◆ WHAT THE TASK ASKS
Beginning with the first line of the data below, set down each line exactly through the line that contains "#171=IFCINDEXEDPOLYGONALFACE((5,7,8,6));".
********
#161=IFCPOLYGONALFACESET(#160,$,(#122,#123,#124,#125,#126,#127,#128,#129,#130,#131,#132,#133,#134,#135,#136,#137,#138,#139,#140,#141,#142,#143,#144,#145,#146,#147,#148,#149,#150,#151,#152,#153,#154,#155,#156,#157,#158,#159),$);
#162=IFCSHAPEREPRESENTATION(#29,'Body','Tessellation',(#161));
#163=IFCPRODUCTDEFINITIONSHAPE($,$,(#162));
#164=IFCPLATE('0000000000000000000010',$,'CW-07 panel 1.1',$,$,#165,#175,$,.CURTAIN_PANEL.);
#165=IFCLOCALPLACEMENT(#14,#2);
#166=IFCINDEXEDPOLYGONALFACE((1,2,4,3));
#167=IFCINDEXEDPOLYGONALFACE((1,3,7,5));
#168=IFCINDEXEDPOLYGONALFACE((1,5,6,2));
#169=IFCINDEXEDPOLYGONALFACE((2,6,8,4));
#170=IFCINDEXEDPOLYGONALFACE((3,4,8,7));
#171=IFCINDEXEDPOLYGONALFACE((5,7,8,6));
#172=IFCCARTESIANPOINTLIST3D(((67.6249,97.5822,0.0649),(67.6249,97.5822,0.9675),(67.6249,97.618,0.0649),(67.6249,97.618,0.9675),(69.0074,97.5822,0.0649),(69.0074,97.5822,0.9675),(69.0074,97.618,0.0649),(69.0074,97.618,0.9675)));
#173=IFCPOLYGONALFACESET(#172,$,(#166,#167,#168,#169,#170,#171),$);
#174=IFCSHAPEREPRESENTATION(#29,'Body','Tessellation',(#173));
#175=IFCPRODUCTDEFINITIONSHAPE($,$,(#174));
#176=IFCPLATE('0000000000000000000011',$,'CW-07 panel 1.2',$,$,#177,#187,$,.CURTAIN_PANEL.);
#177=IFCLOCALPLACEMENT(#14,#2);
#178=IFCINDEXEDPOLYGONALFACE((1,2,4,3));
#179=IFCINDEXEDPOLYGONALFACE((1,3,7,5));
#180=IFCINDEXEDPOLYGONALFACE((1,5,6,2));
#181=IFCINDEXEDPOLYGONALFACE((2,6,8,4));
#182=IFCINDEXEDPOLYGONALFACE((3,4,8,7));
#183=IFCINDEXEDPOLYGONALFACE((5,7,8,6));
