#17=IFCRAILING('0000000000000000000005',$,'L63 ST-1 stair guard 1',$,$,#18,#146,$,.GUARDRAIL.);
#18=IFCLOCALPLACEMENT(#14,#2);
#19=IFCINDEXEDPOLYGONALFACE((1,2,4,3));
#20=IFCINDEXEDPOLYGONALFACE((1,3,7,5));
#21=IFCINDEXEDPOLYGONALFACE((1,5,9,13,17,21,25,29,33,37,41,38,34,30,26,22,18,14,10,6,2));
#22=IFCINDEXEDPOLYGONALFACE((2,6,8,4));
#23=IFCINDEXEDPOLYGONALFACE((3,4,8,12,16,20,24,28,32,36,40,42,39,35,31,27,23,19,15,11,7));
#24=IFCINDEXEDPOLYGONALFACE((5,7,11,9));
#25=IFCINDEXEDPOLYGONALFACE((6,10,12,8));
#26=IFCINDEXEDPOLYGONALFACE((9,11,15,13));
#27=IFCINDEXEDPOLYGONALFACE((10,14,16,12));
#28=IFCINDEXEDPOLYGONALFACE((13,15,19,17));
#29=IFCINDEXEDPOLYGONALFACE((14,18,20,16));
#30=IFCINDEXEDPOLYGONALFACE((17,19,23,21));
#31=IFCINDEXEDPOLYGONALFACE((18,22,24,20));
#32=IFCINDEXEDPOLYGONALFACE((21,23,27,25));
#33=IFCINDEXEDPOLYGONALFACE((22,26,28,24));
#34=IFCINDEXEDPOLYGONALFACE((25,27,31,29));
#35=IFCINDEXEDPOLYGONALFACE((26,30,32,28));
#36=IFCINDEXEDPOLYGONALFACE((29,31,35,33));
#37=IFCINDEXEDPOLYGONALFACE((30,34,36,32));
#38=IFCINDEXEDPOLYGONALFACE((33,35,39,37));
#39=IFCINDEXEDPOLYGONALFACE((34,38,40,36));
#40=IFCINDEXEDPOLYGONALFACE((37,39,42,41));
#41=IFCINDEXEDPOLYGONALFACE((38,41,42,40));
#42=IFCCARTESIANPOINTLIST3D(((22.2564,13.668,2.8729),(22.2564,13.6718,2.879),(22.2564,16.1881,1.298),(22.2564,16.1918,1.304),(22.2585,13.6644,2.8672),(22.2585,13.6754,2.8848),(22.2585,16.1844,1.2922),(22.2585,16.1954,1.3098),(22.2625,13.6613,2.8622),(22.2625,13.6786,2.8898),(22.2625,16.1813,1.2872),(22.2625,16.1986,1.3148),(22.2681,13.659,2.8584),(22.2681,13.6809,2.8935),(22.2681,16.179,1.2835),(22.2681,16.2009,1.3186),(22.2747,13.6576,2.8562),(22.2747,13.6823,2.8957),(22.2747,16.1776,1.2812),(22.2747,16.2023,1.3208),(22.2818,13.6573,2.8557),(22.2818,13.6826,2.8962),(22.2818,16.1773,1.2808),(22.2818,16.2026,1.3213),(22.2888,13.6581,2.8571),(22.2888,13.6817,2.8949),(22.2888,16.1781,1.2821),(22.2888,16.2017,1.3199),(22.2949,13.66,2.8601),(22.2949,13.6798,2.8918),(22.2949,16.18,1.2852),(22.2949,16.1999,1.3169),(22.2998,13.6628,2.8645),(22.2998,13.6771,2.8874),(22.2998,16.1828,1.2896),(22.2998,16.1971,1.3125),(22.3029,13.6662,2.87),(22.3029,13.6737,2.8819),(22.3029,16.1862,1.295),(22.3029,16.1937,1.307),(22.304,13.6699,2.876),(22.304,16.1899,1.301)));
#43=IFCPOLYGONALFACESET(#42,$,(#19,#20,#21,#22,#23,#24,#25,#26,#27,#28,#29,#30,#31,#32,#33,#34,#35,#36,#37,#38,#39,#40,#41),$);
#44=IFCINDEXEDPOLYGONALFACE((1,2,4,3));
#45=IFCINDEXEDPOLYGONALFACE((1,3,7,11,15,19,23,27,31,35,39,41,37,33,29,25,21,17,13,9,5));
********
◆ ANSWER TO THIS TASK
#161=IFCPOLYGONALFACESET(#160,$,(#122,#123,#124,#125,#126,#127,#128,#129,#130,#131,#132,#133,#134,#135,#136,#137,#138,#139,#140,#141,#142,#143,#144,#145,#146,#147,#148,#149,#150,#151,#152,#153,#154,#155,#156,#157,#158,#159),$);
#162=IFCSHAPEREPRESENTATION(#29,'Body','Tessellation',(#161));
#163=IFCPRODUCTDEFINITIONSHAPE($,$,(#162));
#164=IFCPLATE('0000000000000000000010',$,'CW-07 panel 1.1',$,$,#165,#175,$,.CURTAIN_PANEL.);
#165=IFCLOCALPLACEMENT(#14,#2);
#166=IFCINDEXEDPOLYGONALFACE((1,2,4,3));
#167=IFCINDEXEDPOLYGONALFACE((1,3,7,5));
#168=IFCINDEXEDPOLYGONALFACE((1,5,6,2));
#169=IFCINDEXEDPOLYGONALFACE((2,6,8,4));
#170=IFCINDEXEDPOLYGONALFACE((3,4,8,7));
#171=IFCINDEXEDPOLYGONALFACE((5,7,8,6));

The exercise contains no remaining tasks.